Reproduce the lines of the listing exactly, beginning at the top, until the line with "#100=IFCINDEXEDPOLYGONALFACE((7,8,12,11));" has been reproduced too.

**RECORDS SUPPLIED:**
***
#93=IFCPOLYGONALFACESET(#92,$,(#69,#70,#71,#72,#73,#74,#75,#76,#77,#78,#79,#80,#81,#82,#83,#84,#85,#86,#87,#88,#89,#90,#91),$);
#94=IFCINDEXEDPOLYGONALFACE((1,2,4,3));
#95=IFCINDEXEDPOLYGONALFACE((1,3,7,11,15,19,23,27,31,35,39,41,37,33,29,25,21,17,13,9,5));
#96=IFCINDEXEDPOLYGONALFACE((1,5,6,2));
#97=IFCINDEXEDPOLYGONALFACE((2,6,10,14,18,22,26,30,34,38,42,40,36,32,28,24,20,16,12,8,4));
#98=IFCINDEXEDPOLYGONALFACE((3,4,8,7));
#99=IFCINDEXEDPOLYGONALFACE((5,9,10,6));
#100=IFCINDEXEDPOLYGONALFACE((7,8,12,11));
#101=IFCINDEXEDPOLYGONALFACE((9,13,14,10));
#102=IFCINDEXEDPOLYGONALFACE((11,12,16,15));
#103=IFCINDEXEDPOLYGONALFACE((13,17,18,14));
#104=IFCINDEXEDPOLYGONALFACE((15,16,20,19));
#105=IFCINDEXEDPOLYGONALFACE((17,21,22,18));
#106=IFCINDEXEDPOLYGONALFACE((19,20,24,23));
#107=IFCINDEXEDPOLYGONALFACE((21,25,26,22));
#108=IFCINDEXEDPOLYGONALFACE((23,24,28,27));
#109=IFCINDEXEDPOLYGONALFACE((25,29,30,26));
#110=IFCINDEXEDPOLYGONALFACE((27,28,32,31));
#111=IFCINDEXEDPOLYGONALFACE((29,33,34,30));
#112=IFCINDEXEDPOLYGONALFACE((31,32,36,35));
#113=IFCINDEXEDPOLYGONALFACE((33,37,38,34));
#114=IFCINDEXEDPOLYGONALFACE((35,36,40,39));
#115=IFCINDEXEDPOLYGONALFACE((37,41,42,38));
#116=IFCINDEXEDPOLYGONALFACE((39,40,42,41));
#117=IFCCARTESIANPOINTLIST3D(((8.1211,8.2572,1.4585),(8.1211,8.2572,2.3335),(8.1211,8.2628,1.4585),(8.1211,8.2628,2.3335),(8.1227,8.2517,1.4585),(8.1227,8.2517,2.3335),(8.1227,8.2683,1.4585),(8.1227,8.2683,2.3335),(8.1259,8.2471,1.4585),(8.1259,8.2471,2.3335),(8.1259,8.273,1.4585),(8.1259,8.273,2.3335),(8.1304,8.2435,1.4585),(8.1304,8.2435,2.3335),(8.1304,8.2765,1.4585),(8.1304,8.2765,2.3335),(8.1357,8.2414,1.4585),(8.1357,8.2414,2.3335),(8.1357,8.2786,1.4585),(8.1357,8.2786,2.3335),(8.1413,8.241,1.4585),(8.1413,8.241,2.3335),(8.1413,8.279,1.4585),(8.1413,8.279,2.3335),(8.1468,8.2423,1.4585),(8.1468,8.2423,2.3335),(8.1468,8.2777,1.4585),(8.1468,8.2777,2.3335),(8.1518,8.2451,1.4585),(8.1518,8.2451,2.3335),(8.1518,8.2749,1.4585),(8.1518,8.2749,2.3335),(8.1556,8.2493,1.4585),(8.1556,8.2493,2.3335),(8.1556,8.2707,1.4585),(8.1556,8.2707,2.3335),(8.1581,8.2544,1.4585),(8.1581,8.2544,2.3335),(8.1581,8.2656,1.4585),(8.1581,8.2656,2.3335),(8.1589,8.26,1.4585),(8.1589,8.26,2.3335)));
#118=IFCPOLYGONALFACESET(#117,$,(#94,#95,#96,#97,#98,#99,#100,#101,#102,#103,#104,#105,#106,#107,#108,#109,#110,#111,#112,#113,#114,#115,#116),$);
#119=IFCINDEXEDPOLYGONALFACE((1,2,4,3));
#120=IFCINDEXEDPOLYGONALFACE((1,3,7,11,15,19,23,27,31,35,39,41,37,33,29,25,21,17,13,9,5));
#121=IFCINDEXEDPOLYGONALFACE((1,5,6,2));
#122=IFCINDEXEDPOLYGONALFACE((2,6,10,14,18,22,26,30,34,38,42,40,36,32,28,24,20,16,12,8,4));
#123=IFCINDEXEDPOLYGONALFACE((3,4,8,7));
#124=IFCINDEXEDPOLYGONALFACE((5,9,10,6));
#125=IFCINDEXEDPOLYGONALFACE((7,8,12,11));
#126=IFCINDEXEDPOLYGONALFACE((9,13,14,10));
***
**RESPONSE TO THIS EXERCISE:**
#93=IFCPOLYGONALFACESET(#92,$,(#69,#70,#71,#72,#73,#74,#75,#76,#77,#78,#79,#80,#81,#82,#83,#84,#85,#86,#87,#88,#89,#90,#91),$);
#94=IFCINDEXEDPOLYGONALFACE((1,2,4,3));
#95=IFCINDEXEDPOLYGONALFACE((1,3,7,11,15,19,23,27,31,35,39,41,37,33,29,25,21,17,13,9,5));
#96=IFCINDEXEDPOLYGONALFACE((1,5,6,2));
#97=IFCINDEXEDPOLYGONALFACE((2,6,10,14,18,22,26,30,34,38,42,40,36,32,28,24,20,16,12,8,4));
#98=IFCINDEXEDPOLYGONALFACE((3,4,8,7));
#99=IFCINDEXEDPOLYGONALFACE((5,9,10,6));
#100=IFCINDEXEDPOLYGONALFACE((7,8,12,11));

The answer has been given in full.